■ **Problem to solve**
For the listing below, print exactly the lines from the line with "#173=IFCPRODUCTDEFINITIONSHAPE($,$,(#172));" to the line with "#177=IFCINDEXEDPOLYGONALFACE((1,3,4,2));", both included, and nothing beyond them.
[Records shown Boundary: Start]
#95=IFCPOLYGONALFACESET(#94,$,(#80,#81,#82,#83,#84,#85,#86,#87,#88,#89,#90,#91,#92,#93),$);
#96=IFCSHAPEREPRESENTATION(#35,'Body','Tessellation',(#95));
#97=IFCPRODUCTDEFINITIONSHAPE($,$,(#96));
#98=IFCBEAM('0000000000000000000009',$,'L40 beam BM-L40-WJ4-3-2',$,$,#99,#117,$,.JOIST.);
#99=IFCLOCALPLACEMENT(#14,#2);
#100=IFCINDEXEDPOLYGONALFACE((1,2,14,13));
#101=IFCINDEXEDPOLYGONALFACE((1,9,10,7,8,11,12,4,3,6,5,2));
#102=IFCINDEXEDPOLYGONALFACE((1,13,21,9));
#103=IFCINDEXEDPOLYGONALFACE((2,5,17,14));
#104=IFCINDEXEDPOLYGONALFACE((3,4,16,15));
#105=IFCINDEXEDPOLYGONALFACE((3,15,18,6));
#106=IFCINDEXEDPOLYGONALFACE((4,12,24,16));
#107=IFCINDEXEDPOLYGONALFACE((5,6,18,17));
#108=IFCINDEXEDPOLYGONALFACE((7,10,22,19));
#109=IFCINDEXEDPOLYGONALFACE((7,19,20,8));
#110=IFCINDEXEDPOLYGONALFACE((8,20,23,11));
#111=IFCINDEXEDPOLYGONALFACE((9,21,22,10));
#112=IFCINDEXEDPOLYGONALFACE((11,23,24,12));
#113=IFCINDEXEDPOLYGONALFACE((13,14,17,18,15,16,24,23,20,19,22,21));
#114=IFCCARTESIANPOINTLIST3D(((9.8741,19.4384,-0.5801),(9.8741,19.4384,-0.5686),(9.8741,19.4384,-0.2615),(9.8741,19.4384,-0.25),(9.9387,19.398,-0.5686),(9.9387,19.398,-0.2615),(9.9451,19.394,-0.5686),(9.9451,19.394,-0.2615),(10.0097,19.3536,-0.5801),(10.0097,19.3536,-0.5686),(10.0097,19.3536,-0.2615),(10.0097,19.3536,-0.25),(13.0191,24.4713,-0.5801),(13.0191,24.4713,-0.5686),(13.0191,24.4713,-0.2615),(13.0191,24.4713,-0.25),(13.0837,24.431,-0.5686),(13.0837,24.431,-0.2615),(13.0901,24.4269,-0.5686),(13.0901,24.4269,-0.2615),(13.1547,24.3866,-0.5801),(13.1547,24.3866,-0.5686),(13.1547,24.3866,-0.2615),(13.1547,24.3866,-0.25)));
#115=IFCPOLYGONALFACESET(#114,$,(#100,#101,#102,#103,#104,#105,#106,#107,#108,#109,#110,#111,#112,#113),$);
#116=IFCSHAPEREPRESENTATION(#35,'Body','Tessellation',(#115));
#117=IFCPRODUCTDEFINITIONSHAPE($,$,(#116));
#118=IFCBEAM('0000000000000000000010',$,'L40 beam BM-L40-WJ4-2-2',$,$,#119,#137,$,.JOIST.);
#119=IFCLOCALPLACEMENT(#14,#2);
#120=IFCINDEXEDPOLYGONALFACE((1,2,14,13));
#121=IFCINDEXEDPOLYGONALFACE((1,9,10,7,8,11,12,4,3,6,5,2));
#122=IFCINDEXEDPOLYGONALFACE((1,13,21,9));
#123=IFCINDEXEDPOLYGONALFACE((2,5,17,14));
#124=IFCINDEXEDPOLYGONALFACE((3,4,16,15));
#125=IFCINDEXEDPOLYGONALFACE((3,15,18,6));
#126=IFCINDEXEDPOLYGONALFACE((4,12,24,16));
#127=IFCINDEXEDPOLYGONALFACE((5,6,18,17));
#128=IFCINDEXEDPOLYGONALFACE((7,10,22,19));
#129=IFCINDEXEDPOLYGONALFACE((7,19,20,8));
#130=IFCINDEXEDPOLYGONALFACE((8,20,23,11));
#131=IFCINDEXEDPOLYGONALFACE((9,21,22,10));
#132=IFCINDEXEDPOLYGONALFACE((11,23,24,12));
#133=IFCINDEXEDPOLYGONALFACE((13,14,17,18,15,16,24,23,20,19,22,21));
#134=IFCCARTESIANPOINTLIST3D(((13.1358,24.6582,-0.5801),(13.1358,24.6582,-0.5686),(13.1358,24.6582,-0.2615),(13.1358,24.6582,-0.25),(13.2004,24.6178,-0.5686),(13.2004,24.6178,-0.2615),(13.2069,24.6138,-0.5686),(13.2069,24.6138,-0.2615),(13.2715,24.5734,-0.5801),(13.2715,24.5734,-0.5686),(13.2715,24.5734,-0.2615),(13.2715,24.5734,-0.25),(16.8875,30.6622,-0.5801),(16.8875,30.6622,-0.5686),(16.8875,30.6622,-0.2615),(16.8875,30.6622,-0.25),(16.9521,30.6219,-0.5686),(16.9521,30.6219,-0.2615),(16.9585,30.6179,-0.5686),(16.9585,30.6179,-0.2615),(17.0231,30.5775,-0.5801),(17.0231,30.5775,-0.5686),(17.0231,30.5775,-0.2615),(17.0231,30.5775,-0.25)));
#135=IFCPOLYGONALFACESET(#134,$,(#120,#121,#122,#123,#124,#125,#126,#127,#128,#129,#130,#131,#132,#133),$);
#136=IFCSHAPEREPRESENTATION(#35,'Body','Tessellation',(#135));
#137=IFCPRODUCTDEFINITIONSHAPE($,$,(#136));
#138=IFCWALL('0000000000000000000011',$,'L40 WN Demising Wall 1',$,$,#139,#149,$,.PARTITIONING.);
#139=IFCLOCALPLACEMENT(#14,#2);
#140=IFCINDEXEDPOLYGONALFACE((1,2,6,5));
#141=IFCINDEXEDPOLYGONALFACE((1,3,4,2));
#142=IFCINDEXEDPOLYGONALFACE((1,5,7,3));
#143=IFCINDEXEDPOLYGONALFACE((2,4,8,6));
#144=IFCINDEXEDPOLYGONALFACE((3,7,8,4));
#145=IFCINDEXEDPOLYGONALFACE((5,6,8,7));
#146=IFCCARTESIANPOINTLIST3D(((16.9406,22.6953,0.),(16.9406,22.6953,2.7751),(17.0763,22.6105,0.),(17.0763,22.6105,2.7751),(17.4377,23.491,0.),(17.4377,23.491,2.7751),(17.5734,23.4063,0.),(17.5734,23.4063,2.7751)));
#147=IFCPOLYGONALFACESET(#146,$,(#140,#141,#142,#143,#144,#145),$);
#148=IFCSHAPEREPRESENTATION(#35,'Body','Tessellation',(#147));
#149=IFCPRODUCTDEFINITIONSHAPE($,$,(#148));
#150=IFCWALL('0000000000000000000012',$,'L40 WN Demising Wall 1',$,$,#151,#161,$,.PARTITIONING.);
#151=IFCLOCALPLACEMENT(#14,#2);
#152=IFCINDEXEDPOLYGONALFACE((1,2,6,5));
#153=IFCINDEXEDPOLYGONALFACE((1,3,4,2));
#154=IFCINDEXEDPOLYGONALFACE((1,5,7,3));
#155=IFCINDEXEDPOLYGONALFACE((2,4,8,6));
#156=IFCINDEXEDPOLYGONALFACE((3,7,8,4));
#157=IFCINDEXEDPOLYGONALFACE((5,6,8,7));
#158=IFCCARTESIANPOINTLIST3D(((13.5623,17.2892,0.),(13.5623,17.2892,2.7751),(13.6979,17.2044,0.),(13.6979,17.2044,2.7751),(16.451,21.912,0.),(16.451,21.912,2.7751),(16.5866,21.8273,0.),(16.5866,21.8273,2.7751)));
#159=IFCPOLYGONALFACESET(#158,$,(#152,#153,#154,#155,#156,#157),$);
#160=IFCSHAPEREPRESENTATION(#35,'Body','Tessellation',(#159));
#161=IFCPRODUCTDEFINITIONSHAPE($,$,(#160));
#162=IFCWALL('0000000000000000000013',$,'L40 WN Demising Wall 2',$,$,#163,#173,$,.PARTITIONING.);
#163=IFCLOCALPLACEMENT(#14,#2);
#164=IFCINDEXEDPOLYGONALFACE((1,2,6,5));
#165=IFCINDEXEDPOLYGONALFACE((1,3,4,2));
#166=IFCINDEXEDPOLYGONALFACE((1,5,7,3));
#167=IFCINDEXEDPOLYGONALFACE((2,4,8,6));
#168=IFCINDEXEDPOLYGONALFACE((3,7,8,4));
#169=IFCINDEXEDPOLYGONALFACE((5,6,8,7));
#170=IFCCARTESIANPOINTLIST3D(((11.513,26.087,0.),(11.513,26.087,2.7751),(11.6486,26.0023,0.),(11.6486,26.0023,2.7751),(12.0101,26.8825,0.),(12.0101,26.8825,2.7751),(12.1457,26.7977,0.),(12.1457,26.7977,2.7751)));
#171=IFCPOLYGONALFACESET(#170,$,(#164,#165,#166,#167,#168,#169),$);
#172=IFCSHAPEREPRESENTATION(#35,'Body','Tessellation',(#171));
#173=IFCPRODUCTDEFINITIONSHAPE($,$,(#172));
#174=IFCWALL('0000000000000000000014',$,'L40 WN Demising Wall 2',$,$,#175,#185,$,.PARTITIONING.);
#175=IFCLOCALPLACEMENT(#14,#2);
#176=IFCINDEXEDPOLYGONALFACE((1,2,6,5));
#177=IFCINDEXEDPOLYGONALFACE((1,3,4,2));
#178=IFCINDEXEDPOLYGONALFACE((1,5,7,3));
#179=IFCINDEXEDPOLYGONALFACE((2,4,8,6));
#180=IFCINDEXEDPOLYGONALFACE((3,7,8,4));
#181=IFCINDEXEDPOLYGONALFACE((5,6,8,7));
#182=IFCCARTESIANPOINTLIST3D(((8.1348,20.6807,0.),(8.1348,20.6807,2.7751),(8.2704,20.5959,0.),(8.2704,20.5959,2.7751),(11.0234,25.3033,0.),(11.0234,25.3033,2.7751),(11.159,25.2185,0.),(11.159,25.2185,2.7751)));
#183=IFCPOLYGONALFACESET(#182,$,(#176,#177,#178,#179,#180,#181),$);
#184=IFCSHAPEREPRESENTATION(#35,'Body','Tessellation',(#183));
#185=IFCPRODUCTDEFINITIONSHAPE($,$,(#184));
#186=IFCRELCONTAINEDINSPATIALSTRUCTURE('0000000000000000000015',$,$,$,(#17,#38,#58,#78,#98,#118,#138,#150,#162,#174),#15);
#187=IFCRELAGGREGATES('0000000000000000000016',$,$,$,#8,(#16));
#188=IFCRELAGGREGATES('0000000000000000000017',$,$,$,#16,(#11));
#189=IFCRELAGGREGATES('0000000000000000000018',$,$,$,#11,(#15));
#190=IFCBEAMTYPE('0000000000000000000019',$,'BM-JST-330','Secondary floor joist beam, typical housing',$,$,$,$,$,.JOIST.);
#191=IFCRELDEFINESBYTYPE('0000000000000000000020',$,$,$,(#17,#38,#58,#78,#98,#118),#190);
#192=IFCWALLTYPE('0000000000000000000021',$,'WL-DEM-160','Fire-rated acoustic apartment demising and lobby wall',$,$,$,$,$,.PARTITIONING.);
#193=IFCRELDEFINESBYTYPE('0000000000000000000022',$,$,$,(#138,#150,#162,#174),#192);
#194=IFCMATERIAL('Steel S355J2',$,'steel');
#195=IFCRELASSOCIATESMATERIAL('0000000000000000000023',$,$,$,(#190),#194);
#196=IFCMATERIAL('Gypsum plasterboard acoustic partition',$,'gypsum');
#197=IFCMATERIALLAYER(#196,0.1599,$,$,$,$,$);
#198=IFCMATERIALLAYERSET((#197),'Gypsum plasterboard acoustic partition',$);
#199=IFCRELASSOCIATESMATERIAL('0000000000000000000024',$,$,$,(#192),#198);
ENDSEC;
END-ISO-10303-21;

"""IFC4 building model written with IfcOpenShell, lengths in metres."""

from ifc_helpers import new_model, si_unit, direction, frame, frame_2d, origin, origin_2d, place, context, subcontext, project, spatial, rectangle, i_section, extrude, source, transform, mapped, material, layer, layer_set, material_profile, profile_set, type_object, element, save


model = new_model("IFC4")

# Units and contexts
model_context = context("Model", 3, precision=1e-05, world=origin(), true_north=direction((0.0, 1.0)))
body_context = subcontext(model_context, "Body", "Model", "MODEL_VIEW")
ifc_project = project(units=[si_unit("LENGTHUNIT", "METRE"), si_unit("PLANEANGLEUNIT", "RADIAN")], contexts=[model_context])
[Records shown Boundary: End]
■ **Worked solution**
#173=IFCPRODUCTDEFINITIONSHAPE($,$,(#172));
#174=IFCWALL('0000000000000000000014',$,'L40 WN Demising Wall 2',$,$,#175,#185,$,.PARTITIONING.);
#175=IFCLOCALPLACEMENT(#14,#2);
#176=IFCINDEXEDPOLYGONALFACE((1,2,6,5));
#177=IFCINDEXEDPOLYGONALFACE((1,3,4,2));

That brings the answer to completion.